# Records provided:
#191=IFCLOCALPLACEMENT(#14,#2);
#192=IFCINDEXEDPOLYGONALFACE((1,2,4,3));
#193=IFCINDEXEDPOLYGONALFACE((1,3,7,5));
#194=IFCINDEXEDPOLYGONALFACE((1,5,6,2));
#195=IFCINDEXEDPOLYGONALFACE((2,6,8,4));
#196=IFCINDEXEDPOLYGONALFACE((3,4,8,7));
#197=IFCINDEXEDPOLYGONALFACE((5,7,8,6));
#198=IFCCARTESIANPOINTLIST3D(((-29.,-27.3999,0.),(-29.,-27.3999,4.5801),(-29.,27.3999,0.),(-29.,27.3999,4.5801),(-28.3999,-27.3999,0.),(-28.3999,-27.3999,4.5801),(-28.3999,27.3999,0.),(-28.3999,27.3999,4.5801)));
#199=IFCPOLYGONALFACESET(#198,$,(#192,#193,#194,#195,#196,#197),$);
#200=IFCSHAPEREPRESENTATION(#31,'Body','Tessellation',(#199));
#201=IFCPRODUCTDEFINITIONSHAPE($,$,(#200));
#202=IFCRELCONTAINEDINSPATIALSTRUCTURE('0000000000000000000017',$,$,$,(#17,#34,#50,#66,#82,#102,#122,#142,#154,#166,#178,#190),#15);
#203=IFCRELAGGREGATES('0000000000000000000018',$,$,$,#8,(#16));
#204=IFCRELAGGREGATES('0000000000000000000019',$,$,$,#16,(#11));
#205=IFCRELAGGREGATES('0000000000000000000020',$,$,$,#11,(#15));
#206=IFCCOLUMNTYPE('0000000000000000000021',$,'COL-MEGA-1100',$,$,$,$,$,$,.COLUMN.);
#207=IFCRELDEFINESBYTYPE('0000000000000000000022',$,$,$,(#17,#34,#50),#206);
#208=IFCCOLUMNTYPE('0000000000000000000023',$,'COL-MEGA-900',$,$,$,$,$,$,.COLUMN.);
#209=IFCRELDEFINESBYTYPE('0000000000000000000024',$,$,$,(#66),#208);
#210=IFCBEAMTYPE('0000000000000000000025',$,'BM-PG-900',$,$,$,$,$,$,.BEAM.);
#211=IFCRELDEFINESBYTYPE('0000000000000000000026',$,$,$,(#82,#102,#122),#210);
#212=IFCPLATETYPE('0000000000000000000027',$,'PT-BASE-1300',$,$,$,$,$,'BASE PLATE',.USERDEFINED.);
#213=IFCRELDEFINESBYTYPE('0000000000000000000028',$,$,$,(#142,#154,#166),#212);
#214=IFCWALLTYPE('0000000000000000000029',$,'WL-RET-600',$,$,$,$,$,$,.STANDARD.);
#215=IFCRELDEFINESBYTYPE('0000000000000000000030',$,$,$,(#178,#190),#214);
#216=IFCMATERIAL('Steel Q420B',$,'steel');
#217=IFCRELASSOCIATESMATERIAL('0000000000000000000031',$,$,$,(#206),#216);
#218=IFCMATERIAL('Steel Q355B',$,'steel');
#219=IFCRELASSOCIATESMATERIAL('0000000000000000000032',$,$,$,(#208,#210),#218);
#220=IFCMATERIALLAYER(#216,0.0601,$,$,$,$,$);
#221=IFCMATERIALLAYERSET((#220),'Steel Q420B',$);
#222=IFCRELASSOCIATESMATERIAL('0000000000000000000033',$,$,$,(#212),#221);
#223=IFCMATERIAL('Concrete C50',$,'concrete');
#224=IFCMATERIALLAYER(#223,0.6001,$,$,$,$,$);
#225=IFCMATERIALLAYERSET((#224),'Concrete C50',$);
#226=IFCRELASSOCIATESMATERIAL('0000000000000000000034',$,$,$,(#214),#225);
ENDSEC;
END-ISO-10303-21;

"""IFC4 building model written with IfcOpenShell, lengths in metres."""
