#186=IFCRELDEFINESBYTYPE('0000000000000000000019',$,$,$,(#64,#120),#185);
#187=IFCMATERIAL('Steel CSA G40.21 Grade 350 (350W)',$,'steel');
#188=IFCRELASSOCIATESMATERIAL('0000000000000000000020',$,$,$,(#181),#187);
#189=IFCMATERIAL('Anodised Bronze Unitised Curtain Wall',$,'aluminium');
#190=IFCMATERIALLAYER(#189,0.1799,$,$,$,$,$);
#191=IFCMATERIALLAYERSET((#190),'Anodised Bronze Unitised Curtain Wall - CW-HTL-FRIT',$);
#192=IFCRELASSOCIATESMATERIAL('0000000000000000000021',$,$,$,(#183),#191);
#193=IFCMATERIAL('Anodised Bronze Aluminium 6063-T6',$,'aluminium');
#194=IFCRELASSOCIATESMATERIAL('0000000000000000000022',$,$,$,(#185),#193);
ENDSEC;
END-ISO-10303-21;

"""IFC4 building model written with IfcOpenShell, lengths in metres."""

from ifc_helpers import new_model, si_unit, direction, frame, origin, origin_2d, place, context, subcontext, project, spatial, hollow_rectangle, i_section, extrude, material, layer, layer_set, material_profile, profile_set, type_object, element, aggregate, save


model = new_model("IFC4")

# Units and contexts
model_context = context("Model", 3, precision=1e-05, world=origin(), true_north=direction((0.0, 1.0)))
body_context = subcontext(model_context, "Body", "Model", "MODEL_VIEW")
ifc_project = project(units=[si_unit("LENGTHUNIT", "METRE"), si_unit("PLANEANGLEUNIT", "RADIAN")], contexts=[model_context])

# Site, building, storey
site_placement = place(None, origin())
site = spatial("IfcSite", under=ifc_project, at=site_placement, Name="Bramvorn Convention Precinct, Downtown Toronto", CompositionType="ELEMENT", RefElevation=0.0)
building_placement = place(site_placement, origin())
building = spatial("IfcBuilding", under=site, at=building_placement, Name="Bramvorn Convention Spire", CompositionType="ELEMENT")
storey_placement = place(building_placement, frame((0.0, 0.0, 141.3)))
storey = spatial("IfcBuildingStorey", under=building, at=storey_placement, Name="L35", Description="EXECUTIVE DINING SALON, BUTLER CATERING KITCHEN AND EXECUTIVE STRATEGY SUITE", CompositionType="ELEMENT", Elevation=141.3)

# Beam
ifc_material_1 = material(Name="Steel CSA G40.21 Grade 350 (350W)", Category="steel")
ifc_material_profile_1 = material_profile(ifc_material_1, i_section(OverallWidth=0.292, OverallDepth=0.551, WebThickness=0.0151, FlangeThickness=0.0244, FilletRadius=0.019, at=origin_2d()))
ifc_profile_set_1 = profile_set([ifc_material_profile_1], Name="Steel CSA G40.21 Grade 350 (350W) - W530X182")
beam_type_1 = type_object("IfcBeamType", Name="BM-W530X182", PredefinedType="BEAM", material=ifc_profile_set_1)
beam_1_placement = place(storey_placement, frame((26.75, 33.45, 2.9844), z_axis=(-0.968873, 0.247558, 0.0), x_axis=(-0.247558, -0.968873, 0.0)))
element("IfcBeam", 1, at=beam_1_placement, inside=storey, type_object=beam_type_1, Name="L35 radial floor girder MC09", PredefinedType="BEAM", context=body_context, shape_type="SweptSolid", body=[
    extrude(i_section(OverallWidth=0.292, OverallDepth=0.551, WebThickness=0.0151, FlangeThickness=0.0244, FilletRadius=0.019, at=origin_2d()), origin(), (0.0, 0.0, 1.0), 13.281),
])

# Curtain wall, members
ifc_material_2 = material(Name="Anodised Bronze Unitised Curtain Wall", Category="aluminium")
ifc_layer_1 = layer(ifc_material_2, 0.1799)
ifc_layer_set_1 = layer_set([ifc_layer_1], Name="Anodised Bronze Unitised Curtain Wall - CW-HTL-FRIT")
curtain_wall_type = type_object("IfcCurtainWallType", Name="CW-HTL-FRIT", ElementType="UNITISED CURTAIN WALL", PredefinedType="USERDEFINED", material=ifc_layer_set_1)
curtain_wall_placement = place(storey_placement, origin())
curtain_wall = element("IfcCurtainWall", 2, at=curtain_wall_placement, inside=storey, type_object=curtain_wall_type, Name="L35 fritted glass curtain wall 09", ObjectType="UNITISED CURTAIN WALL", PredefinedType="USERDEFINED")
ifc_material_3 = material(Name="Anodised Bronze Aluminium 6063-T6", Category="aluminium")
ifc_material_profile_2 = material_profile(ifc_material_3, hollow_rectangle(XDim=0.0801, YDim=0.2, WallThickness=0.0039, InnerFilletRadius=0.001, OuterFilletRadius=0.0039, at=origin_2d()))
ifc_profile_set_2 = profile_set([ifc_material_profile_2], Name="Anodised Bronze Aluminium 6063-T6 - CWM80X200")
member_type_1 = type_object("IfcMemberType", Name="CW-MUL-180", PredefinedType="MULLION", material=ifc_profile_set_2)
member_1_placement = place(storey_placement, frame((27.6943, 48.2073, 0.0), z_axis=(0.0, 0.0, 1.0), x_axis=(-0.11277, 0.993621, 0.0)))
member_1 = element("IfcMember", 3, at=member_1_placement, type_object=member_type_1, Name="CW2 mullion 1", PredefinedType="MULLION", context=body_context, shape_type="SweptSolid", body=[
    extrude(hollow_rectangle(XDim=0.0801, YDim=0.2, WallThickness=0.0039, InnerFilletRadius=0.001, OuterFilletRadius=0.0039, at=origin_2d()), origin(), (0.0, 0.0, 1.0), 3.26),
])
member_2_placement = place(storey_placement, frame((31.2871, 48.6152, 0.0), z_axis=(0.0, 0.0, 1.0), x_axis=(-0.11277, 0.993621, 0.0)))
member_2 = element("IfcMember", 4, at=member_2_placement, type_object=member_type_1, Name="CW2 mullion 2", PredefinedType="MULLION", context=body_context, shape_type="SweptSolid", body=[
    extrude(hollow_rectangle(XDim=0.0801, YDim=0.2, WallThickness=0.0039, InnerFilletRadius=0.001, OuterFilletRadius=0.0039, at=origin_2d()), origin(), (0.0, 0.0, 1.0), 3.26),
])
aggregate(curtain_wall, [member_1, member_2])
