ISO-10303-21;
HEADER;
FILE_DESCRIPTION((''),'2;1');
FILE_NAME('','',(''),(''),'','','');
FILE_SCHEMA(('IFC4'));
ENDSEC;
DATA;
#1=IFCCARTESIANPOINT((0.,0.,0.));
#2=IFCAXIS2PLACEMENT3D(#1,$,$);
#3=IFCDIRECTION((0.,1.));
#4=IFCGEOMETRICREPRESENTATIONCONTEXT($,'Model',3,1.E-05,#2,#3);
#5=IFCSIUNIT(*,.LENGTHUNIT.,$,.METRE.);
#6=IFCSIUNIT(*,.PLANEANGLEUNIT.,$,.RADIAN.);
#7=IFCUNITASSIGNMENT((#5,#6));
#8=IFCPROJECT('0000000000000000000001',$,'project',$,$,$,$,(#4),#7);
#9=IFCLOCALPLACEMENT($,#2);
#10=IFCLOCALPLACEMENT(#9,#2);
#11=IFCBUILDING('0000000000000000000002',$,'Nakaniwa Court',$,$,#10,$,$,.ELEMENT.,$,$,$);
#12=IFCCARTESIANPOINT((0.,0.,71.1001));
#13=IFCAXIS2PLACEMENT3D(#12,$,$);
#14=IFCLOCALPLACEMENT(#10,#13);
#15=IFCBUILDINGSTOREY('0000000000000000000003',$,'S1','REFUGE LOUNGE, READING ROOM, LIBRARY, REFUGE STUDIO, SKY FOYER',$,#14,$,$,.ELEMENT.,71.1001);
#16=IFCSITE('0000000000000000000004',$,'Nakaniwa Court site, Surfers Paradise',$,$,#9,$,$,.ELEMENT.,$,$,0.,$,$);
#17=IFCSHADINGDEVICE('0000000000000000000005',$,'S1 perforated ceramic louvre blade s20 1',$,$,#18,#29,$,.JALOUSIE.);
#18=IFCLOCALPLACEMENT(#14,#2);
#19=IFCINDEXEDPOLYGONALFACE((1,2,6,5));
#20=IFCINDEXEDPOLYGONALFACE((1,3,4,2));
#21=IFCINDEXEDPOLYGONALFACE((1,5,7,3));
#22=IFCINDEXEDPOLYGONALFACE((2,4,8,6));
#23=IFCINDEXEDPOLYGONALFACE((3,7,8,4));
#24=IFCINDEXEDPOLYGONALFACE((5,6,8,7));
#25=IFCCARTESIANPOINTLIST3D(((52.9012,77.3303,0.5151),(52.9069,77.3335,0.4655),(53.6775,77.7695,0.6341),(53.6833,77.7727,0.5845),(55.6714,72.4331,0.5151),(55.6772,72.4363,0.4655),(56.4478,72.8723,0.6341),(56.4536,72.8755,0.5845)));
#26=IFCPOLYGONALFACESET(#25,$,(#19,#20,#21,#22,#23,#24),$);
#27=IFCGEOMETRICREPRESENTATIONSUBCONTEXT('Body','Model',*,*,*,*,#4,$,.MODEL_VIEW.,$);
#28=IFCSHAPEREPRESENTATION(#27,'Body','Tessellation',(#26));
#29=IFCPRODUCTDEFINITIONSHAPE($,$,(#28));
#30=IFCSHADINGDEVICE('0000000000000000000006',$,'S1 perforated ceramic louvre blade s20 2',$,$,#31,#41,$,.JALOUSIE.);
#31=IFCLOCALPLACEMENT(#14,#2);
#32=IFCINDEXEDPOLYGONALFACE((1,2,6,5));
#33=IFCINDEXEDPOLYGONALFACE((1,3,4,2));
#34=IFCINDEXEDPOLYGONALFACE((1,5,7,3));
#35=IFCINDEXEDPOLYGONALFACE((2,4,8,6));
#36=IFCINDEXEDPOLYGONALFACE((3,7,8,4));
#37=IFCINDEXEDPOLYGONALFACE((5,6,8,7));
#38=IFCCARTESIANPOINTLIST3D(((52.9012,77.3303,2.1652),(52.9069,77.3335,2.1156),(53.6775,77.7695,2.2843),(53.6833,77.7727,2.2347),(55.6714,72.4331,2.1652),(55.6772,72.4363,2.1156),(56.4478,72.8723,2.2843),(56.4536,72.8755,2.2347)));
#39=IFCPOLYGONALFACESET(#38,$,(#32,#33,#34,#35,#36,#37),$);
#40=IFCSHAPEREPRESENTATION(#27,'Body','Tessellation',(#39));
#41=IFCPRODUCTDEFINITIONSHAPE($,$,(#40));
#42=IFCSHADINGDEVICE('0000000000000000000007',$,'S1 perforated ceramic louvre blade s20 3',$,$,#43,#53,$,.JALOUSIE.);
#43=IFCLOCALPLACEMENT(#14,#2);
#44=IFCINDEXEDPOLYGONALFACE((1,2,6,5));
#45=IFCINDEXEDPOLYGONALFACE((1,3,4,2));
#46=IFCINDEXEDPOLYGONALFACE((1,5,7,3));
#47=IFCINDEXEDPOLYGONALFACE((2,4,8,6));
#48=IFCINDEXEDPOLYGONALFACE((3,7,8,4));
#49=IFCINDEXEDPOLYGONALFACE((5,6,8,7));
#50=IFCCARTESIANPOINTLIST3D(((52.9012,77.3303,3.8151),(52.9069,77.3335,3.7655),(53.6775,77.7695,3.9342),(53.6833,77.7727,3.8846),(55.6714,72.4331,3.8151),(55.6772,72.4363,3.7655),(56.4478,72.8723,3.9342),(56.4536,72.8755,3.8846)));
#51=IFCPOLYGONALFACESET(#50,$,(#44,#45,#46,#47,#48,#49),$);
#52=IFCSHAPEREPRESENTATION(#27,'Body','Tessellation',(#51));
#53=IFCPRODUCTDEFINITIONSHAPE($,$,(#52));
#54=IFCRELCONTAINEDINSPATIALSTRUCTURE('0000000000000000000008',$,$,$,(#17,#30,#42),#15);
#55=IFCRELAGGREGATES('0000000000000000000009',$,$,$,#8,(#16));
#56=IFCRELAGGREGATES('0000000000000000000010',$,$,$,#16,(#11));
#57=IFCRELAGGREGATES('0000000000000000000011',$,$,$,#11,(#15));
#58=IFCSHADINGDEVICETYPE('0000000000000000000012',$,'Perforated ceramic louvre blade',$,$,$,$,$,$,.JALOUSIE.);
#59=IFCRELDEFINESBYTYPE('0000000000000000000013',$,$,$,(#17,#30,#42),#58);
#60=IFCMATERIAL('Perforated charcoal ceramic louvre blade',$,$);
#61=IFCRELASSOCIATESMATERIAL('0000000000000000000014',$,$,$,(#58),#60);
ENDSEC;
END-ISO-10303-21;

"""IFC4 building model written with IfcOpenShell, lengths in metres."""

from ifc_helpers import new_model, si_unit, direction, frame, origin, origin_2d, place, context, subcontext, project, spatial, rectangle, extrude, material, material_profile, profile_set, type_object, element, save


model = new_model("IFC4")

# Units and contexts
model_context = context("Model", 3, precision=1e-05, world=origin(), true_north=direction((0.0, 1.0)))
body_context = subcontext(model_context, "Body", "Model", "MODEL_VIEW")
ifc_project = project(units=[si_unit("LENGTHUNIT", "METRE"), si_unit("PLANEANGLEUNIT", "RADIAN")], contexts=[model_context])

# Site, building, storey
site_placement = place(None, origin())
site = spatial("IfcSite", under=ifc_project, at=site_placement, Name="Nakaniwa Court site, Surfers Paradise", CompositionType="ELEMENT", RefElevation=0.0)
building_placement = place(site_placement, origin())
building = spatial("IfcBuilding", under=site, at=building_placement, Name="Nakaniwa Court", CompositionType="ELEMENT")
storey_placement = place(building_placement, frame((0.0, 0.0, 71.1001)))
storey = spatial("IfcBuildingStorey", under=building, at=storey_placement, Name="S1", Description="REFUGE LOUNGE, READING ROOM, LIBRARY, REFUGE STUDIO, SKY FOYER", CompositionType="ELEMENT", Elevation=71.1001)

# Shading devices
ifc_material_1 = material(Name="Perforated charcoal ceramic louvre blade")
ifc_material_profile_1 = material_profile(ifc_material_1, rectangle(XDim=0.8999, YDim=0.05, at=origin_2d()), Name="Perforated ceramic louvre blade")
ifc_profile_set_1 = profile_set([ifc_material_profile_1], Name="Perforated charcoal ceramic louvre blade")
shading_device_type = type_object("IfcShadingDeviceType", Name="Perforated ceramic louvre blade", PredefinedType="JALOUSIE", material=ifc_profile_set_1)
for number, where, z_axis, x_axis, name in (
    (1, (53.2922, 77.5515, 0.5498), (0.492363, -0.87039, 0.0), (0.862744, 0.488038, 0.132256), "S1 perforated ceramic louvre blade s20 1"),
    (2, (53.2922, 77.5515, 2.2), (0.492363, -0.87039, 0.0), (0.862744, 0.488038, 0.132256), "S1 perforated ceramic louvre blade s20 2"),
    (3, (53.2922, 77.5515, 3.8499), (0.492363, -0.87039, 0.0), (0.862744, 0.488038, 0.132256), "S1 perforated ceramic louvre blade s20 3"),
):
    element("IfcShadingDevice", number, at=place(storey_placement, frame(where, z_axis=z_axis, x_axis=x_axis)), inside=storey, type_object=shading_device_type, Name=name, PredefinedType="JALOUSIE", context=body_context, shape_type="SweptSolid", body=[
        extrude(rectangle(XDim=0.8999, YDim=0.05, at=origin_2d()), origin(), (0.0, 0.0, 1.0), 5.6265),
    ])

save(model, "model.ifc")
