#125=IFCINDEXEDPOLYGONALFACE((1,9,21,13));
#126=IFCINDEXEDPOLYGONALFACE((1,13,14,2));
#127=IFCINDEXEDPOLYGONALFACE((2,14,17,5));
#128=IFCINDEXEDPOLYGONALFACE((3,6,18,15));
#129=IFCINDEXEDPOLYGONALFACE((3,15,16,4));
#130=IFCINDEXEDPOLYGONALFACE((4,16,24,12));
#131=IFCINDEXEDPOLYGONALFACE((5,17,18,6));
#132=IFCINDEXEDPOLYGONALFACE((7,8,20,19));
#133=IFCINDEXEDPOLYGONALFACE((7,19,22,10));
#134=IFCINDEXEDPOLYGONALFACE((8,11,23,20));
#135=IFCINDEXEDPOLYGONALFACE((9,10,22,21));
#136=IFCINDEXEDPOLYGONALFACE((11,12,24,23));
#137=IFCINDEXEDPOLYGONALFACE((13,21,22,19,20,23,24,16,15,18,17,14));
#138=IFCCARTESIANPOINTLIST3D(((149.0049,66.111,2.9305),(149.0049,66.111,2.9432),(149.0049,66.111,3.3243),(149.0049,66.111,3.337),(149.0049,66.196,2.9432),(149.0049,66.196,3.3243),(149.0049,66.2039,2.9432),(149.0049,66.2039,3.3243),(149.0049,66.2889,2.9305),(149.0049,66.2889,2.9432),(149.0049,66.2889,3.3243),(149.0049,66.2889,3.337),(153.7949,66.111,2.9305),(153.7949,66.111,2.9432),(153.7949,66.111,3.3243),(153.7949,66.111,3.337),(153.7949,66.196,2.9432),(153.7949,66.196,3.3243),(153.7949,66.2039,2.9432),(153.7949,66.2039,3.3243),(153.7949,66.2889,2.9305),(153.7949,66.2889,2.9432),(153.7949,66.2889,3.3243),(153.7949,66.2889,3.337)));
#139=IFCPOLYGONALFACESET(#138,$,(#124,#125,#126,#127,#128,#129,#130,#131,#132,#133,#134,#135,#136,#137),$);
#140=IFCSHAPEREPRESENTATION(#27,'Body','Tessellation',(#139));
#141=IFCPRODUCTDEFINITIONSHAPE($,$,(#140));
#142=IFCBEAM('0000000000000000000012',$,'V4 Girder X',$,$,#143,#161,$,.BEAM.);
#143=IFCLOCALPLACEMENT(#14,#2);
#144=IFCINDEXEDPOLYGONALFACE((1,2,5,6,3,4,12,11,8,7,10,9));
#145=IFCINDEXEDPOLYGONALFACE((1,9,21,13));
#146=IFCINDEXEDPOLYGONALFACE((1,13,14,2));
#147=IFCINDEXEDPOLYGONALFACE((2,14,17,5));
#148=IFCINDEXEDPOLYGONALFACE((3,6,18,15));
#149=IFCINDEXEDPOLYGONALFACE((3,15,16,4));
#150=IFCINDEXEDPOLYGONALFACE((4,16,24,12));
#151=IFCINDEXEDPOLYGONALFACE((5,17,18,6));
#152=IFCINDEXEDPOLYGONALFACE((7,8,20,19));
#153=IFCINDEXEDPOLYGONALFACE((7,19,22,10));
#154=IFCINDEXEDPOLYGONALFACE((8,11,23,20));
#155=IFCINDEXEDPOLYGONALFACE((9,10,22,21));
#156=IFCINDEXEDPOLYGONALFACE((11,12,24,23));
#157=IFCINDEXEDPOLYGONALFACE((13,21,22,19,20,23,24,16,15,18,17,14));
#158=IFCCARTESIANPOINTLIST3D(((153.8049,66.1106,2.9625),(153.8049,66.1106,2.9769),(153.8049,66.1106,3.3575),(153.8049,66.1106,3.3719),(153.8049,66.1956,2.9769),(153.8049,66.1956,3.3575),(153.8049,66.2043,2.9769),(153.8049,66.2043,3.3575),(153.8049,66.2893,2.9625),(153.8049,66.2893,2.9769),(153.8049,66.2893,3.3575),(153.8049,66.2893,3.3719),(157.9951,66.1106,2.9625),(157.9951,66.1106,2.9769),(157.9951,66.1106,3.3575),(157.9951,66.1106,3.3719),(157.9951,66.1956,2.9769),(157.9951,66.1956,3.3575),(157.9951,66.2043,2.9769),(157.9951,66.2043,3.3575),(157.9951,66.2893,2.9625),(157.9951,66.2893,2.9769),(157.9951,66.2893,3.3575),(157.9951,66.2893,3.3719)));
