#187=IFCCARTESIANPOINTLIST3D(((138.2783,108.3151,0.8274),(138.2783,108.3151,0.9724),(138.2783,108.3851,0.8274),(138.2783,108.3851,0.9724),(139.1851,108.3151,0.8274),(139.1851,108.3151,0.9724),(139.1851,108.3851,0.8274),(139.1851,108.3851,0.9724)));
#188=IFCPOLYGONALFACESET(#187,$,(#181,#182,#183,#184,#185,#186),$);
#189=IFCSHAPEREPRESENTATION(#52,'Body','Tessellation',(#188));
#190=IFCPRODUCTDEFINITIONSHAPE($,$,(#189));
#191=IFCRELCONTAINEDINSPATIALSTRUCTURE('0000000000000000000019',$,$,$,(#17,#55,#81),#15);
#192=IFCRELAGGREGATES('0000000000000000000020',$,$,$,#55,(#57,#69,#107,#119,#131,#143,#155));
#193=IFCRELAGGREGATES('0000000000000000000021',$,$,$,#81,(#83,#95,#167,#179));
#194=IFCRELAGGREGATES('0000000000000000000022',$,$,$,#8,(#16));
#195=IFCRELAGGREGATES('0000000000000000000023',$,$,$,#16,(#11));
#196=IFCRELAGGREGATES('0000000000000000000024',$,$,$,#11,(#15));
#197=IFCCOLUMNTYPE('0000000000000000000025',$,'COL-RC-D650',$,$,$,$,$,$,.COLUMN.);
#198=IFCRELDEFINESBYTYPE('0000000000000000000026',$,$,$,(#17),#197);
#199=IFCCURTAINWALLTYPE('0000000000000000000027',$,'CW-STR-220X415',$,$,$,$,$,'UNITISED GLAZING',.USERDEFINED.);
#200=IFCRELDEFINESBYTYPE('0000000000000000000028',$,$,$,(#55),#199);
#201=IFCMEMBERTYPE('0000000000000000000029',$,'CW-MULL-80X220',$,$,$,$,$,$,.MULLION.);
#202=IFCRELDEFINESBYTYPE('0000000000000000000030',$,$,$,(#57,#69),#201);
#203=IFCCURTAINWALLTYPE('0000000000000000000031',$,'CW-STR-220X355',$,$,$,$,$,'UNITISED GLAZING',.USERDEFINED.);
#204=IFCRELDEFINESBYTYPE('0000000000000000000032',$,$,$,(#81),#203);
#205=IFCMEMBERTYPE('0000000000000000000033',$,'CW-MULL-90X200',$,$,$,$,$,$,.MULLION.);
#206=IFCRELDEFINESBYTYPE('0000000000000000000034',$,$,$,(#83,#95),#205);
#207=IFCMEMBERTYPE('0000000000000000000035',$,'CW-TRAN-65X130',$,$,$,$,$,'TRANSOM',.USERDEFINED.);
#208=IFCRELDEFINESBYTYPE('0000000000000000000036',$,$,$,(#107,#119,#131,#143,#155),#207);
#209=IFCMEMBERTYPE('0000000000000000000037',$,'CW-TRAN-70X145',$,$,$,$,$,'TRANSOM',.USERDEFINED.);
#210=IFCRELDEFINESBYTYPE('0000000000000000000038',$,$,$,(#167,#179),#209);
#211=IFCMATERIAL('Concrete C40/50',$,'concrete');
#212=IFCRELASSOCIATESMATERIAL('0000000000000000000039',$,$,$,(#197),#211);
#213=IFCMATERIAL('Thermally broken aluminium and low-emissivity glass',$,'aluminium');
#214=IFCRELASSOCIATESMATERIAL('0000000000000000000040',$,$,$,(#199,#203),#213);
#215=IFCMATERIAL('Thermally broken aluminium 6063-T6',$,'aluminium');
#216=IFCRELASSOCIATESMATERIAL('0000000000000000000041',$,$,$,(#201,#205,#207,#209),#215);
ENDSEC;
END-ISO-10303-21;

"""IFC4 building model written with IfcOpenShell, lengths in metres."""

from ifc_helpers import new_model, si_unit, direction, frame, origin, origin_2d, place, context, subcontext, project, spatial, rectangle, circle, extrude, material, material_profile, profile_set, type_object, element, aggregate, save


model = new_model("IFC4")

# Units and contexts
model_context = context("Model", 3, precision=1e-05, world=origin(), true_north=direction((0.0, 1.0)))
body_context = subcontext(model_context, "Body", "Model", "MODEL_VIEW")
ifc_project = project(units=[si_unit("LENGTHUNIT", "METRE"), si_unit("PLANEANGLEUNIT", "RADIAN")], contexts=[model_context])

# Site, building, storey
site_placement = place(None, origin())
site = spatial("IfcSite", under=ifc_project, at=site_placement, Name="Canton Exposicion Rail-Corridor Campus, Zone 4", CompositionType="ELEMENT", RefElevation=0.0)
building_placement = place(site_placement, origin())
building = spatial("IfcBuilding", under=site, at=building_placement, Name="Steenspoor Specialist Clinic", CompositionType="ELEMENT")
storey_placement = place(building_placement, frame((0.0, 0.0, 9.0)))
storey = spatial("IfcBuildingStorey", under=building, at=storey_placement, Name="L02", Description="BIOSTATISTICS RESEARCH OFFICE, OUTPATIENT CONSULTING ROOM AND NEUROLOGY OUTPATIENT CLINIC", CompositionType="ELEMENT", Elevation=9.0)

# Instructions for the task:
Check the entries above for the word "IFCMATERIALLAYERSET" and copy every line where it turns up.

# Solution:
#221=IFCMATERIALLAYERSET((#220),'Steel Q420B',$);
#225=IFCMATERIALLAYERSET((#224),'Concrete C50',$);
#191=IFCMATERIALLAYERSET((#190),'Anodised Bronze Unitised Curtain Wall - CW-HTL-FRIT',$);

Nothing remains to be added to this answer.